Stored records:
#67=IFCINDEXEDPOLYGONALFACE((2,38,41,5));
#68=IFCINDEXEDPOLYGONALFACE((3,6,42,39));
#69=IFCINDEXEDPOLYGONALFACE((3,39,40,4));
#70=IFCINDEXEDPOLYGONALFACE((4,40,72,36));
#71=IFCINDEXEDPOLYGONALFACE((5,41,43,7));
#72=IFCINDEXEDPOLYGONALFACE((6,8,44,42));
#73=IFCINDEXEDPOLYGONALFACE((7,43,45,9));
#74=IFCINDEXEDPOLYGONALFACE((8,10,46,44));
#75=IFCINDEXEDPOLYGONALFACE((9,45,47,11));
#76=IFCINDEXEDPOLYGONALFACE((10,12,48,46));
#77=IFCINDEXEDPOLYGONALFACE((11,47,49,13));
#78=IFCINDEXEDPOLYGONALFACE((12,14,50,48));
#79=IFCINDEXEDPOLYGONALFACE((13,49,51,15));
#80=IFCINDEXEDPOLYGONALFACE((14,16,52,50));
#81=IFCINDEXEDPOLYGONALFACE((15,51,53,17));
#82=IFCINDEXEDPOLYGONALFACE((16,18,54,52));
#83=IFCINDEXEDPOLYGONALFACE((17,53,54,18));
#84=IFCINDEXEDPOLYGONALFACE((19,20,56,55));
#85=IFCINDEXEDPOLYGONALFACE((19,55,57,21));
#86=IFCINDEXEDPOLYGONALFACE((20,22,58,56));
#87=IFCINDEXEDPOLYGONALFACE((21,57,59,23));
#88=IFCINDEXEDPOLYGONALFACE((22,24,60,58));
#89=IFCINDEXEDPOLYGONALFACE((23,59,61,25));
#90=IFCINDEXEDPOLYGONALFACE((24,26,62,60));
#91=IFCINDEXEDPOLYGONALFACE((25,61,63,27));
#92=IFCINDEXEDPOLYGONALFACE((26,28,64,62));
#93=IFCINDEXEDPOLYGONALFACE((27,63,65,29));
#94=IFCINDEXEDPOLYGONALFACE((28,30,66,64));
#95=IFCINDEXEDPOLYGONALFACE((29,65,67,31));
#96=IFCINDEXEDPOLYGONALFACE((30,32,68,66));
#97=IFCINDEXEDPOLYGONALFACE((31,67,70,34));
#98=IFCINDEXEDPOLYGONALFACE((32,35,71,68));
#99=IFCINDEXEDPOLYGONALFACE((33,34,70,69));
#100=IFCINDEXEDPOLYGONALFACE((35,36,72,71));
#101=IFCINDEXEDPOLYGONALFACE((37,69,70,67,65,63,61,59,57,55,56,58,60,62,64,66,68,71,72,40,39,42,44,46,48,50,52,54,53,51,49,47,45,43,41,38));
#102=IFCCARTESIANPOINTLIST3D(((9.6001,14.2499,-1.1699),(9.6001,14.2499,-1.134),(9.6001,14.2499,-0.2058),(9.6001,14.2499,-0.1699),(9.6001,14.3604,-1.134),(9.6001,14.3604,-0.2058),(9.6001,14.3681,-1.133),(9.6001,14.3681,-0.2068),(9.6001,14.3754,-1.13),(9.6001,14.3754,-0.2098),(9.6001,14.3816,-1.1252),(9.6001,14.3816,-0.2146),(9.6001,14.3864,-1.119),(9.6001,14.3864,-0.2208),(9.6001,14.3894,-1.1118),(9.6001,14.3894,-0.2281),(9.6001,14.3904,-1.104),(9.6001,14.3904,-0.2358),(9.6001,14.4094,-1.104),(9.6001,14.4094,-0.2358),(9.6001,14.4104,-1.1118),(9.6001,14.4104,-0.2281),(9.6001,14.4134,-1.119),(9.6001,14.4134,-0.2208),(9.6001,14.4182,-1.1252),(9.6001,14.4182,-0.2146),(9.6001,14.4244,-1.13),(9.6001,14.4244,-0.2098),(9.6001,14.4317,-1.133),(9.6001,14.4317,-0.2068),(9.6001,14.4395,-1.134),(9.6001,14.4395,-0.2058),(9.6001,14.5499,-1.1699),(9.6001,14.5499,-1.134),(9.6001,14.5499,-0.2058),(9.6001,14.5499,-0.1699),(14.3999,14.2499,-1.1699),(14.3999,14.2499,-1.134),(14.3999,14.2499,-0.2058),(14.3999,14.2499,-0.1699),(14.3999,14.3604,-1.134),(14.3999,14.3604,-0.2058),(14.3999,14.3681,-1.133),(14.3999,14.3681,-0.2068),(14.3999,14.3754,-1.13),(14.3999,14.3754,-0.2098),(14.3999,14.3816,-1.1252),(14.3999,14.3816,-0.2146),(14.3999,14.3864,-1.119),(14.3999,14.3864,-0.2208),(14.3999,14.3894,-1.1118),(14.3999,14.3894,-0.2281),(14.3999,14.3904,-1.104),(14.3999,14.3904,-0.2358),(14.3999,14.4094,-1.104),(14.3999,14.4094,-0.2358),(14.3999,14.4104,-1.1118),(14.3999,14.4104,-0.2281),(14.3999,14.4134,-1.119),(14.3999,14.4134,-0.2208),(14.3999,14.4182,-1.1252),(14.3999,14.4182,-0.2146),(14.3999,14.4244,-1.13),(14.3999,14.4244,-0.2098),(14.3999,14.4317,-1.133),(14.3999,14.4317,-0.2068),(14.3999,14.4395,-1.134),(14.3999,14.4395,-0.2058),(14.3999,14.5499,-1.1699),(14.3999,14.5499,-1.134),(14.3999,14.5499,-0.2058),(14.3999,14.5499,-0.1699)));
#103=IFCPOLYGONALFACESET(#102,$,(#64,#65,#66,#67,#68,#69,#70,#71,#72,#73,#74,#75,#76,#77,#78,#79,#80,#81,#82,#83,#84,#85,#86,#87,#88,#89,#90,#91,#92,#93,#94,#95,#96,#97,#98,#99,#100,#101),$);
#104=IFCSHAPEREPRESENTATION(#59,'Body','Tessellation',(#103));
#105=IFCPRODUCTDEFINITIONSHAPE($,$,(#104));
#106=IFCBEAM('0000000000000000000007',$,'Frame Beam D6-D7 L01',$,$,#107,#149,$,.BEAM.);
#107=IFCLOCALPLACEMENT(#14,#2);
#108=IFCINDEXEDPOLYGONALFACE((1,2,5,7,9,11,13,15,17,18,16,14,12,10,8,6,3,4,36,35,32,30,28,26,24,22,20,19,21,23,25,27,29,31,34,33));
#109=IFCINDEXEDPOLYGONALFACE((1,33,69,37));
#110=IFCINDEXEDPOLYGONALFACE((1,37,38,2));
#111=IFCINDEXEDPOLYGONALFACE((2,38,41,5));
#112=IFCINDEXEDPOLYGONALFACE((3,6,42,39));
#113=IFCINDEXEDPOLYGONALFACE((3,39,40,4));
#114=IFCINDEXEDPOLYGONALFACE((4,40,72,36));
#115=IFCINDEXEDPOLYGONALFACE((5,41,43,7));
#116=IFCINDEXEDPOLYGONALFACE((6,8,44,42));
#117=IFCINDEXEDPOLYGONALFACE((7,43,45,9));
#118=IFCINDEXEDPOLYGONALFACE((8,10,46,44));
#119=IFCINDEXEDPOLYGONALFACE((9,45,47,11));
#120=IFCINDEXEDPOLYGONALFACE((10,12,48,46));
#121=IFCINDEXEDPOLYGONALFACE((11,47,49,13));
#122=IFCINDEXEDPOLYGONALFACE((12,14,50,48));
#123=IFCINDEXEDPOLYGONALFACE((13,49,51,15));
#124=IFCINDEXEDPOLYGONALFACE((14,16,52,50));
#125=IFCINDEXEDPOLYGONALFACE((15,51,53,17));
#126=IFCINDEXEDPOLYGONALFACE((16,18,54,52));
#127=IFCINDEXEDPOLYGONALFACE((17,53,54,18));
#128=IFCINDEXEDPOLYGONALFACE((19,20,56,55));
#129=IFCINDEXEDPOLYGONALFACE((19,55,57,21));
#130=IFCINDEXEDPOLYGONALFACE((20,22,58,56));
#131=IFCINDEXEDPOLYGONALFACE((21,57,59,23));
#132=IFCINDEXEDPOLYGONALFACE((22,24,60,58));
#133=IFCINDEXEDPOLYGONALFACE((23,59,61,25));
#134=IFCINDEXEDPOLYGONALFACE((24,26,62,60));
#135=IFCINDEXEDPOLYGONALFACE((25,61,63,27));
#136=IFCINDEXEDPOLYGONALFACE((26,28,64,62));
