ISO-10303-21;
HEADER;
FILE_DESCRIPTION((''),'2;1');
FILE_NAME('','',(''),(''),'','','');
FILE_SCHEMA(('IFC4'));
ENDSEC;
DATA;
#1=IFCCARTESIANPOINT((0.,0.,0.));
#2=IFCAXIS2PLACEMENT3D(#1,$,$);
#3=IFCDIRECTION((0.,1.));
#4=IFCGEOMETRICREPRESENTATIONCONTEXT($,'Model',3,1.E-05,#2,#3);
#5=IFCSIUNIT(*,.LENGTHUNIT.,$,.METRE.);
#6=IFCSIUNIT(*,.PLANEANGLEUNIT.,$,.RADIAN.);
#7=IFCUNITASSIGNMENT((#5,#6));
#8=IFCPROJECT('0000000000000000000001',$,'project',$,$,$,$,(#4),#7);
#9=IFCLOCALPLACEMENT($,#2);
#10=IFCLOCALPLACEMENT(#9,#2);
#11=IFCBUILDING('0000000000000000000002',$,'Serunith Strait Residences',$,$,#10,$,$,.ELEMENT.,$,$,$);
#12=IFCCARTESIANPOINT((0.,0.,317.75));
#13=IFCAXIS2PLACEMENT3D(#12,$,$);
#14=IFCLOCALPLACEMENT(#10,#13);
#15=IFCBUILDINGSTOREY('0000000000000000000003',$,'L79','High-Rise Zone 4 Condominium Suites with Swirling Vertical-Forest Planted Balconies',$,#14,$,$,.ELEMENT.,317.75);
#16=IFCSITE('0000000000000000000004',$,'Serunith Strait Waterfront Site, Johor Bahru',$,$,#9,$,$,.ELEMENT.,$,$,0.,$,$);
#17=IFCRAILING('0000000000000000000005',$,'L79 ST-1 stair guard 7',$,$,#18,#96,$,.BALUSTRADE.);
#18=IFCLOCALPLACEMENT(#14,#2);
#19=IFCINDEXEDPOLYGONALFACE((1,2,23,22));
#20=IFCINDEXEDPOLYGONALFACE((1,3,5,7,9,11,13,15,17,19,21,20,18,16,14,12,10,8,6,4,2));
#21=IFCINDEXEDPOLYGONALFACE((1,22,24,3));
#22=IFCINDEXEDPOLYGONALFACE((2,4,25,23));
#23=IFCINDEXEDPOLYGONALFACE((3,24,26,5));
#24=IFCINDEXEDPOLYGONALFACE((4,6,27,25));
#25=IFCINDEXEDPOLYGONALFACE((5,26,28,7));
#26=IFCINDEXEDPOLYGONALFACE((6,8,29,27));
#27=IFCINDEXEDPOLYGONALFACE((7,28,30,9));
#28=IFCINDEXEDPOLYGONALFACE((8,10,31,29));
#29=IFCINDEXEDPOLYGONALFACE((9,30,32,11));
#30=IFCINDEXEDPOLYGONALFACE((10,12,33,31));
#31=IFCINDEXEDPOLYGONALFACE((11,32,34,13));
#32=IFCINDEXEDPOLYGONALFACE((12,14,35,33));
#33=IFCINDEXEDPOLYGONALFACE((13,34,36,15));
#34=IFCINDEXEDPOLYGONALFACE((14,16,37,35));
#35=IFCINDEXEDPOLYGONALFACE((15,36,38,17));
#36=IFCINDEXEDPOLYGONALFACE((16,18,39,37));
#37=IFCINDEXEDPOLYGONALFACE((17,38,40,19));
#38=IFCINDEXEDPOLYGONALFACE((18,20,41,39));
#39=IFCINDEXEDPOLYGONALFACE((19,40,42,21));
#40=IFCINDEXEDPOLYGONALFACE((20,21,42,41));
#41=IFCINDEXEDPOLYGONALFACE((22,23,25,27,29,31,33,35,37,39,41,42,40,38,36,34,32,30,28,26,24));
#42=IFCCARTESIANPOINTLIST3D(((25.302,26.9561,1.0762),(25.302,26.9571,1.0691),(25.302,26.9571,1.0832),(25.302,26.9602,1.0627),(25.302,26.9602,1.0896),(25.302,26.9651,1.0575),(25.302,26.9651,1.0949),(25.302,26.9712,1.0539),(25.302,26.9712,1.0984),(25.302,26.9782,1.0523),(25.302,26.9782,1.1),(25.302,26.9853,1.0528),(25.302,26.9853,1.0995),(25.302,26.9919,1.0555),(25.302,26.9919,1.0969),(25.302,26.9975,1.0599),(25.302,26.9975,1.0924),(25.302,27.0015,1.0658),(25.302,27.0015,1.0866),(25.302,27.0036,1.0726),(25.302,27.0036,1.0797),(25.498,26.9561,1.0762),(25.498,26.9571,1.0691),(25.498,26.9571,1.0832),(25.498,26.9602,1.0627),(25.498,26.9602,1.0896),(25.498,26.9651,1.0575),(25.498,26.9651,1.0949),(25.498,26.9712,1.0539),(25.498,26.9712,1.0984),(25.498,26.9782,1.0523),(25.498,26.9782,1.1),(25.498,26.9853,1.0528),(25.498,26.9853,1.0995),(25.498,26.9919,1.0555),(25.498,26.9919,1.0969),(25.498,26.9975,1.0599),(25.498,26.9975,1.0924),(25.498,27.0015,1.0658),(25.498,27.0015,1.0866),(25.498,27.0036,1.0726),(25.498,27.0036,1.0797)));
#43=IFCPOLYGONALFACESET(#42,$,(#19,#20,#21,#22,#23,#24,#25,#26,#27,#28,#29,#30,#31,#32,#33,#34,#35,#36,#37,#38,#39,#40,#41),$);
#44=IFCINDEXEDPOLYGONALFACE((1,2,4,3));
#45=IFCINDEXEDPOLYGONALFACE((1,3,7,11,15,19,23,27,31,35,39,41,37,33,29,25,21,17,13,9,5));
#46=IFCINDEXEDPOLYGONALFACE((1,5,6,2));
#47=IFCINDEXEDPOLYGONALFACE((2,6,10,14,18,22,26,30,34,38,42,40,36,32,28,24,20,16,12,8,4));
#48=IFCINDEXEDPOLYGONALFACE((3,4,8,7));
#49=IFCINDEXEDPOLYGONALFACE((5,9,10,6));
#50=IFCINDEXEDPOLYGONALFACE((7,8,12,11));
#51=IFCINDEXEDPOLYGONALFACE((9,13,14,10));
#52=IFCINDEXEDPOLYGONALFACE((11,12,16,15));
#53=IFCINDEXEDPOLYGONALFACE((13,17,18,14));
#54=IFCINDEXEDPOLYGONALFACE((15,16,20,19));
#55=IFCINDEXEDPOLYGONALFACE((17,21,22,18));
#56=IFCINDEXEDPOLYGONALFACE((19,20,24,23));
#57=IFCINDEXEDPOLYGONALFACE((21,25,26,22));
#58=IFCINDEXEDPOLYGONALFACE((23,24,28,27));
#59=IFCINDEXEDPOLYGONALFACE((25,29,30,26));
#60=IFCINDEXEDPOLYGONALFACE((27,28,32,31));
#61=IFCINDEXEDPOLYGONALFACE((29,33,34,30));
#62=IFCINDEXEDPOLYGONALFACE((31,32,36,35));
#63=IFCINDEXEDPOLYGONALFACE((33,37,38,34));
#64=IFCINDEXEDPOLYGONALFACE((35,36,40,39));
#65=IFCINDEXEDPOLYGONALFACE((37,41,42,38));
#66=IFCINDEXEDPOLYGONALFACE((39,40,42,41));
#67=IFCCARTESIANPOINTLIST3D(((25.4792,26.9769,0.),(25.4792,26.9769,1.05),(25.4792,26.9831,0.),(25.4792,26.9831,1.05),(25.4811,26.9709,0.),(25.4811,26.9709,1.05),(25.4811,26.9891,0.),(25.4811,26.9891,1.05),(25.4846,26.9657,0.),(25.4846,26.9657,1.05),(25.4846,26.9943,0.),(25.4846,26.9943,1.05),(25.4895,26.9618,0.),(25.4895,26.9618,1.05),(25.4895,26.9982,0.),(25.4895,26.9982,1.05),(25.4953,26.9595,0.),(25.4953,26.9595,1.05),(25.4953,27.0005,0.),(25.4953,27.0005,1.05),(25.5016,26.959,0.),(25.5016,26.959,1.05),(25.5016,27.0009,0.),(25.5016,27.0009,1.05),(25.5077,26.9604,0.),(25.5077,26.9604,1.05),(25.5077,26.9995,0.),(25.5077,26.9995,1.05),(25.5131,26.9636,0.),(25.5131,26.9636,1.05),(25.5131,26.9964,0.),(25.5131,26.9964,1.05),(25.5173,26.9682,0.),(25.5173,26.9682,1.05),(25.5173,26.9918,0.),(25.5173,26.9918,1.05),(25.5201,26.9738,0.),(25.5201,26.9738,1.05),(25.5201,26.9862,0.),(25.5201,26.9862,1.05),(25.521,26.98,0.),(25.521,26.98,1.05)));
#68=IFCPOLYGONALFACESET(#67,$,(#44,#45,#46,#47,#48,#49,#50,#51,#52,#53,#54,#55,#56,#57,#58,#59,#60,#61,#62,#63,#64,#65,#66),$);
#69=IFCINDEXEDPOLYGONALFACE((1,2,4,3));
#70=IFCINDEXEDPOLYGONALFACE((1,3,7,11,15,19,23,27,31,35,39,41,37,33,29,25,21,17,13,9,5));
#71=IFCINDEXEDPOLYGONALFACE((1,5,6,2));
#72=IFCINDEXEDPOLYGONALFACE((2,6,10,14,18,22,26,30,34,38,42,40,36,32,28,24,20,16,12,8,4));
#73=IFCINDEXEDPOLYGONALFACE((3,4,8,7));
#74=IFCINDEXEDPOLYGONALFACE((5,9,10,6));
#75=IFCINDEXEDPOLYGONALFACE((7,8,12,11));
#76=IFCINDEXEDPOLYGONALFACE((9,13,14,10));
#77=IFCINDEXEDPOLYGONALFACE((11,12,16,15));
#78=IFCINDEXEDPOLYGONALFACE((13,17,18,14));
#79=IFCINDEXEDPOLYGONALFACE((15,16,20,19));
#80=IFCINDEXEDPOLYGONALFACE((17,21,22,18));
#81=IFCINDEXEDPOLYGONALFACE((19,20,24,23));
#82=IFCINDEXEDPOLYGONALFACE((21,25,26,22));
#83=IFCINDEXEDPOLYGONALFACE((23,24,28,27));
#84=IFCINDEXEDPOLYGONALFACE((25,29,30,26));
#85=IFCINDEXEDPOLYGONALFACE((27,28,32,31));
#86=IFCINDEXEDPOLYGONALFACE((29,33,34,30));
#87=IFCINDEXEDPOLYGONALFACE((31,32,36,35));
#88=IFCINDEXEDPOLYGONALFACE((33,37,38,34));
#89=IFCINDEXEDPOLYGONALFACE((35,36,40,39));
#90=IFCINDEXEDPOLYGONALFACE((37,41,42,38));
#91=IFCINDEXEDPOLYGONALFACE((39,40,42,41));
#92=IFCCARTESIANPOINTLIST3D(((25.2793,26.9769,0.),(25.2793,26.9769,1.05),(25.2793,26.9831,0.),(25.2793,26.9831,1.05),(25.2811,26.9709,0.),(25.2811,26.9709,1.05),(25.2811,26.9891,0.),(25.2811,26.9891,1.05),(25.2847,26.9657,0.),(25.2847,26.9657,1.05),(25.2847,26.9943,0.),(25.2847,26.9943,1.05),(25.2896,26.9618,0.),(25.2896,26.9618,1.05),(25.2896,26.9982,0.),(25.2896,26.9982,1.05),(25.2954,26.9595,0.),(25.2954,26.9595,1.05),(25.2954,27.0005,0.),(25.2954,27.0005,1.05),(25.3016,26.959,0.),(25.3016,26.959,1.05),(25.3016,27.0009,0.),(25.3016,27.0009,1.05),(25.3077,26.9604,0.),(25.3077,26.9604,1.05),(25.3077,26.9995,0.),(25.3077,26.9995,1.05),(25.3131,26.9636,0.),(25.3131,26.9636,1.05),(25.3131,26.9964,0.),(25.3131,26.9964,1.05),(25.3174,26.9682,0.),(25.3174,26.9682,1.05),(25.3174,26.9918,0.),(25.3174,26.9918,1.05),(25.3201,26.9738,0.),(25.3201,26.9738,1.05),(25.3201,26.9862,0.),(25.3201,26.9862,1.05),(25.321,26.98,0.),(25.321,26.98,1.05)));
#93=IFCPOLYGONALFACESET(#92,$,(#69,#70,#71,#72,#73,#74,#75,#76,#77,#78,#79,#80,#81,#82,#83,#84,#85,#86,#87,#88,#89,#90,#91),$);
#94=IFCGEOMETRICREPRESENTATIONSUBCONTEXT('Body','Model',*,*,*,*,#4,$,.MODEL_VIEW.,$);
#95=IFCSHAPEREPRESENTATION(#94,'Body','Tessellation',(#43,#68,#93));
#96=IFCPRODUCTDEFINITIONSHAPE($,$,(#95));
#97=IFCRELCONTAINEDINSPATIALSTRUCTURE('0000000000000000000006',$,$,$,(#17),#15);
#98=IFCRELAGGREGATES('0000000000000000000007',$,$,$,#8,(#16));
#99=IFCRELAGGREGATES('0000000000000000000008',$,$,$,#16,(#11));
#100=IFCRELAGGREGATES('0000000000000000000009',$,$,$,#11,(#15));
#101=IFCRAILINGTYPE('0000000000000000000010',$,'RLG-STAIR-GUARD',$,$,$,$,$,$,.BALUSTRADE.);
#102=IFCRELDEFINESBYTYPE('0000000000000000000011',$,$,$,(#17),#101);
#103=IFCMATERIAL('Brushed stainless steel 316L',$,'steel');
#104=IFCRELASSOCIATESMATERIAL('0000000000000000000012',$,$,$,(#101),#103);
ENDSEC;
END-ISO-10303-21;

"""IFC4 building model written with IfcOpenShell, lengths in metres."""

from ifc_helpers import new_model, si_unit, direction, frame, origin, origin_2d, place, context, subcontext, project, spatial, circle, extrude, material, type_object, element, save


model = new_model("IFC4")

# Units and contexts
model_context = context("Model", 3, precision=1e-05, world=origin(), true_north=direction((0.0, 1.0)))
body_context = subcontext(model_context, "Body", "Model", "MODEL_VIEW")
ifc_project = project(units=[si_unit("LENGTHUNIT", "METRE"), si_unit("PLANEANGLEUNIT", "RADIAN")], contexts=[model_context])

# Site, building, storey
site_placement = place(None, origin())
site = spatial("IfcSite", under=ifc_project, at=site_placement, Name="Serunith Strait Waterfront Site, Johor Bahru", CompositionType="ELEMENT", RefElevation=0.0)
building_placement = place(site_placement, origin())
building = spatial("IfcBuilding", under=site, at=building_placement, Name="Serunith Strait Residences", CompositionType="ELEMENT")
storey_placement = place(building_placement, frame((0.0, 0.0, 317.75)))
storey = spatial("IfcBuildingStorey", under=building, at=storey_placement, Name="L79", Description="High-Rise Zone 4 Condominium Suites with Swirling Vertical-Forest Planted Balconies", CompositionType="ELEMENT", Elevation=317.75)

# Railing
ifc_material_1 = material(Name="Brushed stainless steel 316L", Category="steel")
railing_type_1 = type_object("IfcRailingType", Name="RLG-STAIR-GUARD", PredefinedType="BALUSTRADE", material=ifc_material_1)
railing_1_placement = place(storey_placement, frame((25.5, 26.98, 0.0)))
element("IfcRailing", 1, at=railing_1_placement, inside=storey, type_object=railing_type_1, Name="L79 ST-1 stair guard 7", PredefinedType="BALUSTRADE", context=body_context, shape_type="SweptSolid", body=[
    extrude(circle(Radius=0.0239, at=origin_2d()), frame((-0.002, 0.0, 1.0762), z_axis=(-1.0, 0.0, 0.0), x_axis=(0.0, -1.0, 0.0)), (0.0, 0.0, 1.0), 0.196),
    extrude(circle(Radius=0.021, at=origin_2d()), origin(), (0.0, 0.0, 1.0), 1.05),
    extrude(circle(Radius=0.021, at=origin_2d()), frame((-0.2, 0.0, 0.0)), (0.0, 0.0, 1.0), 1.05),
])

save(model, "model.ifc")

Exercise aim:
Search the entries for the word "IFCPOLYGONALFACESET" and pick out every line that holds it.

Answer space:
#103=IFCPOLYGONALFACESET(#102,$,(#64,#65,#66,#67,#68,#69,#70,#71,#72,#73,#74,#75,#76,#77,#78,#79,#80,#81,#82,#83,#84,#85,#86,#87,#88,#89,#90,#91,#92,#93,#94,#95,#96,#97,#98,#99,#100,#101),$);
#43=IFCPOLYGONALFACESET(#42,$,(#19,#20,#21,#22,#23,#24,#25,#26,#27,#28,#29,#30,#31,#32,#33,#34,#35,#36,#37,#38,#39,#40,#41),$);
#68=IFCPOLYGONALFACESET(#67,$,(#44,#45,#46,#47,#48,#49,#50,#51,#52,#53,#54,#55,#56,#57,#58,#59,#60,#61,#62,#63,#64,#65,#66),$);
#93=IFCPOLYGONALFACESET(#92,$,(#69,#70,#71,#72,#73,#74,#75,#76,#77,#78,#79,#80,#81,#82,#83,#84,#85,#86,#87,#88,#89,#90,#91),$);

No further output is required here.